● Activity
Using the records that follow, count the lines containing the word "inside" and give that number only.
※ ※ ※
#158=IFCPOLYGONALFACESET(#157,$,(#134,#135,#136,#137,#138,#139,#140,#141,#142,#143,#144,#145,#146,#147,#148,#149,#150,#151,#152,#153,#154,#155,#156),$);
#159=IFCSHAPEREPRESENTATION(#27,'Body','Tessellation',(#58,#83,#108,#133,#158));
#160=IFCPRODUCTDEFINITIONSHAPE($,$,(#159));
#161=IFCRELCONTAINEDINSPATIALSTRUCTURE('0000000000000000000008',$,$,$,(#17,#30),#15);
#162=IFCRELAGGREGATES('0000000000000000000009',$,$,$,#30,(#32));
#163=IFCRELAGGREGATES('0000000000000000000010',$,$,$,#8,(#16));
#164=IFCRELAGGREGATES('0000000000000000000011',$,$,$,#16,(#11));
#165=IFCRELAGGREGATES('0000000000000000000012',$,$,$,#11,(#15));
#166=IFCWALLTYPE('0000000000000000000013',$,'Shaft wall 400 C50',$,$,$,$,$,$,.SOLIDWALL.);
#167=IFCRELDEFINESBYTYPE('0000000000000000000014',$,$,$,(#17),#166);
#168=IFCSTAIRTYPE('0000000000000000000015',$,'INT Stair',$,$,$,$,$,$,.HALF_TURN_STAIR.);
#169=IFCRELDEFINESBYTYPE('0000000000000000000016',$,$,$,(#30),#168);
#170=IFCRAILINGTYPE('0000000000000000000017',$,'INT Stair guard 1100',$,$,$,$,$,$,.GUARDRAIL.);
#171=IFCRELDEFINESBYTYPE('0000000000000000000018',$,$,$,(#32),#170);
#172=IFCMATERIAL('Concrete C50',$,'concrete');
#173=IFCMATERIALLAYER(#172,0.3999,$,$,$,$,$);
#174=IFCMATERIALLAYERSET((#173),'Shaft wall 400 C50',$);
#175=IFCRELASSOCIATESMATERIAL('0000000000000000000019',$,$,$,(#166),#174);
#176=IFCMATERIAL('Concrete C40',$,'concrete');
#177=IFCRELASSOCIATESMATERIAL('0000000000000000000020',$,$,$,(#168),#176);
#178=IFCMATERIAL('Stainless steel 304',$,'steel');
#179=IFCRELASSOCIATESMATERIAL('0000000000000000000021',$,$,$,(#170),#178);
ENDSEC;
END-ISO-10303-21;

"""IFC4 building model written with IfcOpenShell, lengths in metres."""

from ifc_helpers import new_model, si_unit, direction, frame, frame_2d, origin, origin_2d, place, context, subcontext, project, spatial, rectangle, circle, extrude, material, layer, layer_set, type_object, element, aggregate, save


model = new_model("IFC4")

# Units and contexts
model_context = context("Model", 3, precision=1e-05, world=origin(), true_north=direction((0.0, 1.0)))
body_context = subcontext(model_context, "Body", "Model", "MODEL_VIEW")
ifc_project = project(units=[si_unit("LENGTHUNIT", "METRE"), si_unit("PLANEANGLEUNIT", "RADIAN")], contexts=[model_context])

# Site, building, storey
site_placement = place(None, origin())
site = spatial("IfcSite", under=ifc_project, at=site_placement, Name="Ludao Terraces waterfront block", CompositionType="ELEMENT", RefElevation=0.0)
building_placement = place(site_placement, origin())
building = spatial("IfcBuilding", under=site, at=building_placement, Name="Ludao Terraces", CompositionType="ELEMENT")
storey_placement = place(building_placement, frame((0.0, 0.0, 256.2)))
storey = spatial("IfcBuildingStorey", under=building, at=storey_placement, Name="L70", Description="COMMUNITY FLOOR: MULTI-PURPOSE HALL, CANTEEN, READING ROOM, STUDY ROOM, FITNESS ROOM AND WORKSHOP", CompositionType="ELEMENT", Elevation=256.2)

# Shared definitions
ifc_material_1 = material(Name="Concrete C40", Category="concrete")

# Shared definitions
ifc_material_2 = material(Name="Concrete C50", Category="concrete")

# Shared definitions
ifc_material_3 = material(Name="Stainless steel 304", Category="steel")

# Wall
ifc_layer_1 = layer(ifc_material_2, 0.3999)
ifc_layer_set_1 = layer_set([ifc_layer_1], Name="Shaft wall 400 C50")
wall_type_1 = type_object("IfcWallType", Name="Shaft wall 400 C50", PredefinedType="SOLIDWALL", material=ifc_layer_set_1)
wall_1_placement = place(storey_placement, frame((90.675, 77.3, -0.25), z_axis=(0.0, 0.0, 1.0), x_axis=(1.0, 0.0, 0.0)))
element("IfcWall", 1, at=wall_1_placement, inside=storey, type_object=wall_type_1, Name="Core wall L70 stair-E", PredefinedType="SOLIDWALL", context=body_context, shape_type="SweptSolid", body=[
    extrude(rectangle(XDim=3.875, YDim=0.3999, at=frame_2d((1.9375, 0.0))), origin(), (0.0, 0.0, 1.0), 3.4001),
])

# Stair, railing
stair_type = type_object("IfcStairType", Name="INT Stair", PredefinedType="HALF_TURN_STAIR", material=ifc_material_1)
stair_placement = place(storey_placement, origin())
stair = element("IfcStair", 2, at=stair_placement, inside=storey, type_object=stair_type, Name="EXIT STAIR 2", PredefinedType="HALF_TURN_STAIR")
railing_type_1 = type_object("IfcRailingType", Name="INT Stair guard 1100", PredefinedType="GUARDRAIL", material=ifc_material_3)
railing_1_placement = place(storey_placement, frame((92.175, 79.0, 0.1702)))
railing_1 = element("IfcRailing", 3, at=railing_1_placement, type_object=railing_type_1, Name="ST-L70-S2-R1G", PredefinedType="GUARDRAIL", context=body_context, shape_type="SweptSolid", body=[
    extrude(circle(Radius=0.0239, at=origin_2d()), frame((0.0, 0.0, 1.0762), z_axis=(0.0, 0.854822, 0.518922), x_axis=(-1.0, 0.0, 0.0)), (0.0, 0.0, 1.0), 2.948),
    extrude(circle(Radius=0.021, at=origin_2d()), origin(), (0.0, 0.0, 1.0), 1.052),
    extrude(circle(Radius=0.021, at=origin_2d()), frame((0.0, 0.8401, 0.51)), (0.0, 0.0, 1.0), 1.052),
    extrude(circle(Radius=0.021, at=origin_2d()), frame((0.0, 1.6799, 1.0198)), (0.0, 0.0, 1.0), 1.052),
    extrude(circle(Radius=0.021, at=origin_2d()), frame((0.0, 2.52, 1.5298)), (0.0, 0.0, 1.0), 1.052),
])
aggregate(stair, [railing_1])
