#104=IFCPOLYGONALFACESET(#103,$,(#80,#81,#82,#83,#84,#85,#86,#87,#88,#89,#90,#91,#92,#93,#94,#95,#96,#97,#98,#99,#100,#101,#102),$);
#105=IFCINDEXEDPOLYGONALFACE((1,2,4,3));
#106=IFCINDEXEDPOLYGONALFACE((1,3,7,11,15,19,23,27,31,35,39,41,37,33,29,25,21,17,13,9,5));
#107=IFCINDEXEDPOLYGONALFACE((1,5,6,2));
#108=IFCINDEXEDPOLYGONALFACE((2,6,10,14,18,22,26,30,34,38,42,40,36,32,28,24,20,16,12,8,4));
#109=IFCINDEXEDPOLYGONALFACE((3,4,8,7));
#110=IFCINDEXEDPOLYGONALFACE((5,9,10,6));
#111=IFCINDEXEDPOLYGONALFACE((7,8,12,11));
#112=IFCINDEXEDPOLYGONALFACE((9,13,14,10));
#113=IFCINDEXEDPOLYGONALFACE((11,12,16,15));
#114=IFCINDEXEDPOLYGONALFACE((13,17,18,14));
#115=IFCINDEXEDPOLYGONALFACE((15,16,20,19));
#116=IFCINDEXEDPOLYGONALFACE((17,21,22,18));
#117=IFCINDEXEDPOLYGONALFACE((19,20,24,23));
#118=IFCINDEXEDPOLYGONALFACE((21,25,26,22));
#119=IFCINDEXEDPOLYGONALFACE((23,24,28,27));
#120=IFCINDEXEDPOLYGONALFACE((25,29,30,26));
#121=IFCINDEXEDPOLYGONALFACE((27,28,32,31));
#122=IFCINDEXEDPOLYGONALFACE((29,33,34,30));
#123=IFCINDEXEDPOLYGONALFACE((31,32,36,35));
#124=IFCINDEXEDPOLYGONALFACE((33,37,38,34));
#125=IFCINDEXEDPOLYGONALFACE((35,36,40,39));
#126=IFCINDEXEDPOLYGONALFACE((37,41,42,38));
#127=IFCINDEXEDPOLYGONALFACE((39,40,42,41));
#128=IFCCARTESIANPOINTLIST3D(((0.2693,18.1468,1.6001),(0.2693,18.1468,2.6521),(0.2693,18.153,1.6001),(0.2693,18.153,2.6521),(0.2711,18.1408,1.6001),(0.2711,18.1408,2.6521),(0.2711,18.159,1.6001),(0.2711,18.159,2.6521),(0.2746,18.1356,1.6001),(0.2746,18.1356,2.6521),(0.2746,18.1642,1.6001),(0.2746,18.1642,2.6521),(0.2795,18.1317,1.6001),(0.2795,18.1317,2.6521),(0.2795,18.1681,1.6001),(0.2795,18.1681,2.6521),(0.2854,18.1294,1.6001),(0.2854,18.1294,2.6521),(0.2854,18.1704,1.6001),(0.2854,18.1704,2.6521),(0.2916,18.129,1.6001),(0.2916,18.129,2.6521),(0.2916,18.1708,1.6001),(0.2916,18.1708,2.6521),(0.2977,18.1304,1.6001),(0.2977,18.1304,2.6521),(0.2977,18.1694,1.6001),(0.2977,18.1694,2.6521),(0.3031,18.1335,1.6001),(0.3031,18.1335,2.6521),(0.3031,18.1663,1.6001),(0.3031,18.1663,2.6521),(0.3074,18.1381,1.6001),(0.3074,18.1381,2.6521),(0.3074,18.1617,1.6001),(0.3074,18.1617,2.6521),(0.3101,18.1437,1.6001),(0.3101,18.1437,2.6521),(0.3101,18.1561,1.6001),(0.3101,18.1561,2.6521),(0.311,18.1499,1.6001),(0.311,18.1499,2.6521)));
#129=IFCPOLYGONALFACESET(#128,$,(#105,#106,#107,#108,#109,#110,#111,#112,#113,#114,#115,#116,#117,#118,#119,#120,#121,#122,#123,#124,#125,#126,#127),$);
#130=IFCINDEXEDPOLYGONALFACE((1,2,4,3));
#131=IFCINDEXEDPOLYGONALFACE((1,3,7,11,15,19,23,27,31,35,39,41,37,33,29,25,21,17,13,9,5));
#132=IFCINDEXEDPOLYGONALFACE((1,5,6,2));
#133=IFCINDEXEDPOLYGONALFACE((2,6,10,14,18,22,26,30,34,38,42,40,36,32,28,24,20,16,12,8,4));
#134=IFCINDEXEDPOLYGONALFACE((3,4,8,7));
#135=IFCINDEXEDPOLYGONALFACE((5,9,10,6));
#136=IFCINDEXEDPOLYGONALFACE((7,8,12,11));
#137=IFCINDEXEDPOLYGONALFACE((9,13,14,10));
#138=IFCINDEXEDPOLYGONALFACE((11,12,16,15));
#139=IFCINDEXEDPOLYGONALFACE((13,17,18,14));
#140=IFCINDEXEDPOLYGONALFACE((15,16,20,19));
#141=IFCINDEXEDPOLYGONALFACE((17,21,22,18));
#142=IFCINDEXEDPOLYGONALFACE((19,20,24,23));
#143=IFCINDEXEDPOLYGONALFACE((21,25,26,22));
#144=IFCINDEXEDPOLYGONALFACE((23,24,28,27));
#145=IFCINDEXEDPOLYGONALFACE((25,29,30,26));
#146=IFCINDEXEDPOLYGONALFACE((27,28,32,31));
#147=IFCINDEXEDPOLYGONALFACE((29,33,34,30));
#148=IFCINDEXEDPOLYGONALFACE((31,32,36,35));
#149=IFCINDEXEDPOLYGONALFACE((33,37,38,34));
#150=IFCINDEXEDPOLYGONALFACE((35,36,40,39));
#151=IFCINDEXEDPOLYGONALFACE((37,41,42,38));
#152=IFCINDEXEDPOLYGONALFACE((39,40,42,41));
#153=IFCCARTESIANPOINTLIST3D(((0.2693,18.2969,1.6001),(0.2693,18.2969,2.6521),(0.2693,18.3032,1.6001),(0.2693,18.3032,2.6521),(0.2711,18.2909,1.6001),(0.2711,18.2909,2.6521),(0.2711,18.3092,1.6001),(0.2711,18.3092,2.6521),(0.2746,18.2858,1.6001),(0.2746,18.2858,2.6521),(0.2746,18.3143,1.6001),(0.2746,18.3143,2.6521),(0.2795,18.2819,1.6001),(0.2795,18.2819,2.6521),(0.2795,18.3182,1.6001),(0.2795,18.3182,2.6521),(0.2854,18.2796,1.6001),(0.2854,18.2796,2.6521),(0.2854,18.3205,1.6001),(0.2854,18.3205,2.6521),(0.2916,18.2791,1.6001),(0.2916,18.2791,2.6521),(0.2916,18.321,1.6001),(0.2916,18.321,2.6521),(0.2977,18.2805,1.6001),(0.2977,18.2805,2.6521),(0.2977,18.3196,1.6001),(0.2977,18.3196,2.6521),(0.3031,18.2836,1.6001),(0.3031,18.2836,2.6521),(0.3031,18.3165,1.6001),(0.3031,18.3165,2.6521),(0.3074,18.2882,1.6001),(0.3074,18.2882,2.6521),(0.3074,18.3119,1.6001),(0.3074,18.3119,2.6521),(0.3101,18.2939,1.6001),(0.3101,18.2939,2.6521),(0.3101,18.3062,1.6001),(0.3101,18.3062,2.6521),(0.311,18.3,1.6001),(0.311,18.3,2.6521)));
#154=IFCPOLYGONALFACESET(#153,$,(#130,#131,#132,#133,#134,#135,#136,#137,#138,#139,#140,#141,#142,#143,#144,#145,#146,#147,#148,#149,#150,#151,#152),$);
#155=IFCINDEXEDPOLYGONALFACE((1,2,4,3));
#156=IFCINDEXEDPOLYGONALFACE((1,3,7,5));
※ ※ ※
● Output of the task
2